**Task:** The response must consist of the lines below from the one with "#58=IFCSHAPEREPRESENTATION(#29,'Body','Tessellation',(#57));" through the one with "#63=IFCINDEXEDPOLYGONALFACE((1,3,7,5));", exactly as they appear and with both ends kept.

**Data for review:**

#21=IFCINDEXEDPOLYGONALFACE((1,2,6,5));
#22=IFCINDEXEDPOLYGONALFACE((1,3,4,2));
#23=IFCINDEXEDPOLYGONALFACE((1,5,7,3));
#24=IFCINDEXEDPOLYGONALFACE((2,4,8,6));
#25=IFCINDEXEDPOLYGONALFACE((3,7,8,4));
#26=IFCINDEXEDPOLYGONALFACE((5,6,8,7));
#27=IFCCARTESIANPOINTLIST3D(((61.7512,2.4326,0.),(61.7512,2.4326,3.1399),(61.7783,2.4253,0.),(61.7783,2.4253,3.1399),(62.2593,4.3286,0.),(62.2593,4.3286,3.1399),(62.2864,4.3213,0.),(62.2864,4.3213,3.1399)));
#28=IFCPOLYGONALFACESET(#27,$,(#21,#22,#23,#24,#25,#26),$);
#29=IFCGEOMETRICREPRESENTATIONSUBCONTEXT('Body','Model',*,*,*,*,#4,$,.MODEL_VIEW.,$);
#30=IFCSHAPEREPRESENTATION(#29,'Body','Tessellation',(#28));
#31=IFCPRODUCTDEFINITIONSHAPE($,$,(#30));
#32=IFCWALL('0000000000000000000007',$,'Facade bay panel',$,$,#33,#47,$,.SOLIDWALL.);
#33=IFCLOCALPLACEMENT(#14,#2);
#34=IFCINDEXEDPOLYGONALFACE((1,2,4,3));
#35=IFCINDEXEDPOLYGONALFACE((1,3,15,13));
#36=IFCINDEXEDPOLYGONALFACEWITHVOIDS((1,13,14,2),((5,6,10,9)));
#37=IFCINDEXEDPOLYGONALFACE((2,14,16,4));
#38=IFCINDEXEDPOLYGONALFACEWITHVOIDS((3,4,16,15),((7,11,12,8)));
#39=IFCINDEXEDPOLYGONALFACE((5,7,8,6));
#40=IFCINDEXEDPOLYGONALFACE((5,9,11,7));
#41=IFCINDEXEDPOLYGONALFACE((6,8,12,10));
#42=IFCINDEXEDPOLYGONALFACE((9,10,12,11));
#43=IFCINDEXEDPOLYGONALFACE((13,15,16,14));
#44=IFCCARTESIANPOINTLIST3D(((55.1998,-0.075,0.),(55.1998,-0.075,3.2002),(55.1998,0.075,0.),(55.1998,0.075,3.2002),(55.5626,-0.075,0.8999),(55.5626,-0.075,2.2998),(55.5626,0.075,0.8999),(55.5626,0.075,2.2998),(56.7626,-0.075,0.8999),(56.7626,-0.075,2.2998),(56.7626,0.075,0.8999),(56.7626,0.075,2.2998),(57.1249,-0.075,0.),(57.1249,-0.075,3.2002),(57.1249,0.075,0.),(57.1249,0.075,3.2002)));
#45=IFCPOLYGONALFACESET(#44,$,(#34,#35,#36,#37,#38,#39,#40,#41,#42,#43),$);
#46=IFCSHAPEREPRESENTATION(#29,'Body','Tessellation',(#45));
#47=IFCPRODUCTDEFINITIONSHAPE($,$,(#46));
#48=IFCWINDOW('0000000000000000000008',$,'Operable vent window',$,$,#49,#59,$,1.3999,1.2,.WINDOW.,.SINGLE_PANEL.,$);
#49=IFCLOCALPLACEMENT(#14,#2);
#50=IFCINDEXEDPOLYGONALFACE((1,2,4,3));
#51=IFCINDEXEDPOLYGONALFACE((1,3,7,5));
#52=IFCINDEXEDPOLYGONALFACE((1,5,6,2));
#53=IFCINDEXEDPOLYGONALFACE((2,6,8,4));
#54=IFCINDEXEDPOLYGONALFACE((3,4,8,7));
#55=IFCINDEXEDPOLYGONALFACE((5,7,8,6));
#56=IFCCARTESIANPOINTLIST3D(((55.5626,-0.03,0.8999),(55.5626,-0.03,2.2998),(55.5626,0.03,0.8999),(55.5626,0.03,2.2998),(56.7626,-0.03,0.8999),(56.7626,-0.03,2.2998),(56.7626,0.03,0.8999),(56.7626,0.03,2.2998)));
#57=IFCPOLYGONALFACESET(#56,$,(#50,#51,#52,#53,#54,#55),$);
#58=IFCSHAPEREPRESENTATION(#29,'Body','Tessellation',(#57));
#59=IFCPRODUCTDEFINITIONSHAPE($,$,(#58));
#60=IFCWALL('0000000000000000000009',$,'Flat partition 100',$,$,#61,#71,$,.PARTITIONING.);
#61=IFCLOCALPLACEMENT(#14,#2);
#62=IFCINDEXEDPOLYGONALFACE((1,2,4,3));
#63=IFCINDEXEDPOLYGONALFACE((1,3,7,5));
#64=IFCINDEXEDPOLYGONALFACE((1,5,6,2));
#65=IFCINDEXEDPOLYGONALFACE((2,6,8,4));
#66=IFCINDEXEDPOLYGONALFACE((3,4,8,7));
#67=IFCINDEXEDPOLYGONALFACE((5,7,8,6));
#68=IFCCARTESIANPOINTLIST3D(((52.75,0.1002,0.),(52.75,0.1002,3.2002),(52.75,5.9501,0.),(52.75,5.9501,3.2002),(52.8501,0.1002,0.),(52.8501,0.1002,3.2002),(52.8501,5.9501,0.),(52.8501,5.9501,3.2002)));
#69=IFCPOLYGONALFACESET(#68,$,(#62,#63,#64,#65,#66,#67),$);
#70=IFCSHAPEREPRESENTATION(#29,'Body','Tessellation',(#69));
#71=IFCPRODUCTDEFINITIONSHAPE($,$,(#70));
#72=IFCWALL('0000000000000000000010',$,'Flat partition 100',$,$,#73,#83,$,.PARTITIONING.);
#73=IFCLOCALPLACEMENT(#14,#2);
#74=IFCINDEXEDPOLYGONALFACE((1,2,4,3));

**Finished task:**
#58=IFCSHAPEREPRESENTATION(#29,'Body','Tessellation',(#57));
#59=IFCPRODUCTDEFINITIONSHAPE($,$,(#58));
#60=IFCWALL('0000000000000000000009',$,'Flat partition 100',$,$,#61,#71,$,.PARTITIONING.);
#61=IFCLOCALPLACEMENT(#14,#2);
#62=IFCINDEXEDPOLYGONALFACE((1,2,4,3));
#63=IFCINDEXEDPOLYGONALFACE((1,3,7,5));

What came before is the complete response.